**ACTIVITY:**
Locate the line that contains "#192=IFCMATERIALLAYERSET((#191),'Gypsum board',$);" in the entries below, then repeat it and every following line through the line that contains "curtain_wall_2_placement = place(storey_placement, origin())", exactly, and no others.

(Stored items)

----

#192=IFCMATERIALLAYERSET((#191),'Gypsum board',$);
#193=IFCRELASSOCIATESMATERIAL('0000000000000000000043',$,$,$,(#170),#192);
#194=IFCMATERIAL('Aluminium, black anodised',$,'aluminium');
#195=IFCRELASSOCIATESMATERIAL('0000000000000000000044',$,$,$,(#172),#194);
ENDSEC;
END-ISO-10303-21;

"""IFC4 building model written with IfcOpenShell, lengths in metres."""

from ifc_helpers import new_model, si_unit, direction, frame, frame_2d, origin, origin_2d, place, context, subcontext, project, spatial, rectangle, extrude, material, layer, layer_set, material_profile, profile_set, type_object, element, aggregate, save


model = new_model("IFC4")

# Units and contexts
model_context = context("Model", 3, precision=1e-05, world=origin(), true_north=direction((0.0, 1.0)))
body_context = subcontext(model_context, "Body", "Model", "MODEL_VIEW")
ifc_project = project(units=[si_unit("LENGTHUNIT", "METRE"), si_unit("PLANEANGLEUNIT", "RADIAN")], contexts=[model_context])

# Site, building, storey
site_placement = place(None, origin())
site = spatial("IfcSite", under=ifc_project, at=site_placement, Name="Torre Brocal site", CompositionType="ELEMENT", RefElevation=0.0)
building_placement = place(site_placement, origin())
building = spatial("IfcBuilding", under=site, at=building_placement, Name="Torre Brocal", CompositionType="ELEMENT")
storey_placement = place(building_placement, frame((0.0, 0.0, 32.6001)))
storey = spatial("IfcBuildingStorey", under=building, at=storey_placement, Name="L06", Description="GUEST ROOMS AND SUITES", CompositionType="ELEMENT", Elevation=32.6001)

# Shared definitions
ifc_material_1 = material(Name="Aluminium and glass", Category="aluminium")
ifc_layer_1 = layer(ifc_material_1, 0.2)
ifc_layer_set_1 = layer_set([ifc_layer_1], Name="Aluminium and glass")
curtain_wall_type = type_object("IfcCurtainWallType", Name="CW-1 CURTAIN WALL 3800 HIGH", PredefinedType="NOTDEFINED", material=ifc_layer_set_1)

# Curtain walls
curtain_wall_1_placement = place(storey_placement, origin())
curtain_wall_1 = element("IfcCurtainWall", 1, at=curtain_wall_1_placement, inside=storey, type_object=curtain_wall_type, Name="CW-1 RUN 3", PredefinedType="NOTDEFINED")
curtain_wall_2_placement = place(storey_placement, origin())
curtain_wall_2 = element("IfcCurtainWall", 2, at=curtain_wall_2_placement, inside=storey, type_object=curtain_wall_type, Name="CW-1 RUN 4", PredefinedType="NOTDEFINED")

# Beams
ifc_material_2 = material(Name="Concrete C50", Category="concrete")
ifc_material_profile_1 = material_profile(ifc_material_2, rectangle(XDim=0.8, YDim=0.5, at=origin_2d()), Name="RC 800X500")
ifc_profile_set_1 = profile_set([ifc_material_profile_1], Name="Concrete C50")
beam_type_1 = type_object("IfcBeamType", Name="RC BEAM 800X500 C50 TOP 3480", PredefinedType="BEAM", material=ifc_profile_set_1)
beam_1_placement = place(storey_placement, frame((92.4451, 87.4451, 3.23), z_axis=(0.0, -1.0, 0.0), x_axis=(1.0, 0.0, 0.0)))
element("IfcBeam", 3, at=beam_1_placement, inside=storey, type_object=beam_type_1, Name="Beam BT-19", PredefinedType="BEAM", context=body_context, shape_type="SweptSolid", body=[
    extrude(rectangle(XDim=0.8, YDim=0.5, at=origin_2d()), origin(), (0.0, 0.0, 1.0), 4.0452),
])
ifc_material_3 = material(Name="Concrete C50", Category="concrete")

----

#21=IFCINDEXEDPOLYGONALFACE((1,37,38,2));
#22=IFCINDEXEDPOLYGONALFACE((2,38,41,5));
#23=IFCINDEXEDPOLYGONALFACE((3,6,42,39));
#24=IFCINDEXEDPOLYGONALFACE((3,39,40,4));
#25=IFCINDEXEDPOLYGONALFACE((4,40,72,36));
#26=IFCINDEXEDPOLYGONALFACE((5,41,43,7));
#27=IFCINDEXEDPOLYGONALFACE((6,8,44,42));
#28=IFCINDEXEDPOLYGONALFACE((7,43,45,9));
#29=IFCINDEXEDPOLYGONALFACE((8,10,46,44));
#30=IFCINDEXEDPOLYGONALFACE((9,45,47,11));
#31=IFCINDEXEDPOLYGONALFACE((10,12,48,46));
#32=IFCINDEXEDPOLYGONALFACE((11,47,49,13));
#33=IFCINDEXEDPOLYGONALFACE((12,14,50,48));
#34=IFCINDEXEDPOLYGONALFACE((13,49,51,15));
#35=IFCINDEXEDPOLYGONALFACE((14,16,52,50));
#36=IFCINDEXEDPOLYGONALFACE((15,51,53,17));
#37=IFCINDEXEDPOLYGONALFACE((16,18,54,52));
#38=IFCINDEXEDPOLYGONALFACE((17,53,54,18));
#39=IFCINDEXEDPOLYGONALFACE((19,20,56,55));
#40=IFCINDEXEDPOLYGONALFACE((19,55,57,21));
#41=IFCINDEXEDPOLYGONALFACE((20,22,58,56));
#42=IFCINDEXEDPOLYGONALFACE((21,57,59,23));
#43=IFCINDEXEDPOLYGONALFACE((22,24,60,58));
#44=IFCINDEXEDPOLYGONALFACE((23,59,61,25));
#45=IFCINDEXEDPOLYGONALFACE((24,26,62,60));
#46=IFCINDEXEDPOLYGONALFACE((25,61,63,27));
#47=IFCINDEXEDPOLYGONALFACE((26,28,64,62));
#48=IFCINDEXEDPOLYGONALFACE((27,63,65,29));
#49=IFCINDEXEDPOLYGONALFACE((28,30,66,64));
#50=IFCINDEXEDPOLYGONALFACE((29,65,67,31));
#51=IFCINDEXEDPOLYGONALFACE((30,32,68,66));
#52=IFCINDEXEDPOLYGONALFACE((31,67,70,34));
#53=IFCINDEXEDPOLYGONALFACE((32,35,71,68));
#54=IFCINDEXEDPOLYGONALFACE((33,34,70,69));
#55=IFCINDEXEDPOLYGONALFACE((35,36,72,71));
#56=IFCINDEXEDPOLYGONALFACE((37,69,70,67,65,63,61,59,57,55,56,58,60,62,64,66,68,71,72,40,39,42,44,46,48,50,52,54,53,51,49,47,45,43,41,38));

----

**OUTPUT FOR THIS TASK:**
#192=IFCMATERIALLAYERSET((#191),'Gypsum board',$);
#193=IFCRELASSOCIATESMATERIAL('0000000000000000000043',$,$,$,(#170),#192);
#194=IFCMATERIAL('Aluminium, black anodised',$,'aluminium');
#195=IFCRELASSOCIATESMATERIAL('0000000000000000000044',$,$,$,(#172),#194);
ENDSEC;
END-ISO-10303-21;

"""IFC4 building model written with IfcOpenShell, lengths in metres."""

from ifc_helpers import new_model, si_unit, direction, frame, frame_2d, origin, origin_2d, place, context, subcontext, project, spatial, rectangle, extrude, material, layer, layer_set, material_profile, profile_set, type_object, element, aggregate, save


model = new_model("IFC4")

# Units and contexts
model_context = context("Model", 3, precision=1e-05, world=origin(), true_north=direction((0.0, 1.0)))
body_context = subcontext(model_context, "Body", "Model", "MODEL_VIEW")
ifc_project = project(units=[si_unit("LENGTHUNIT", "METRE"), si_unit("PLANEANGLEUNIT", "RADIAN")], contexts=[model_context])

# Site, building, storey
site_placement = place(None, origin())
site = spatial("IfcSite", under=ifc_project, at=site_placement, Name="Torre Brocal site", CompositionType="ELEMENT", RefElevation=0.0)
building_placement = place(site_placement, origin())
building = spatial("IfcBuilding", under=site, at=building_placement, Name="Torre Brocal", CompositionType="ELEMENT")
storey_placement = place(building_placement, frame((0.0, 0.0, 32.6001)))
storey = spatial("IfcBuildingStorey", under=building, at=storey_placement, Name="L06", Description="GUEST ROOMS AND SUITES", CompositionType="ELEMENT", Elevation=32.6001)

# Shared definitions
ifc_material_1 = material(Name="Aluminium and glass", Category="aluminium")
ifc_layer_1 = layer(ifc_material_1, 0.2)
ifc_layer_set_1 = layer_set([ifc_layer_1], Name="Aluminium and glass")
curtain_wall_type = type_object("IfcCurtainWallType", Name="CW-1 CURTAIN WALL 3800 HIGH", PredefinedType="NOTDEFINED", material=ifc_layer_set_1)

# Curtain walls
curtain_wall_1_placement = place(storey_placement, origin())
curtain_wall_1 = element("IfcCurtainWall", 1, at=curtain_wall_1_placement, inside=storey, type_object=curtain_wall_type, Name="CW-1 RUN 3", PredefinedType="NOTDEFINED")
curtain_wall_2_placement = place(storey_placement, origin())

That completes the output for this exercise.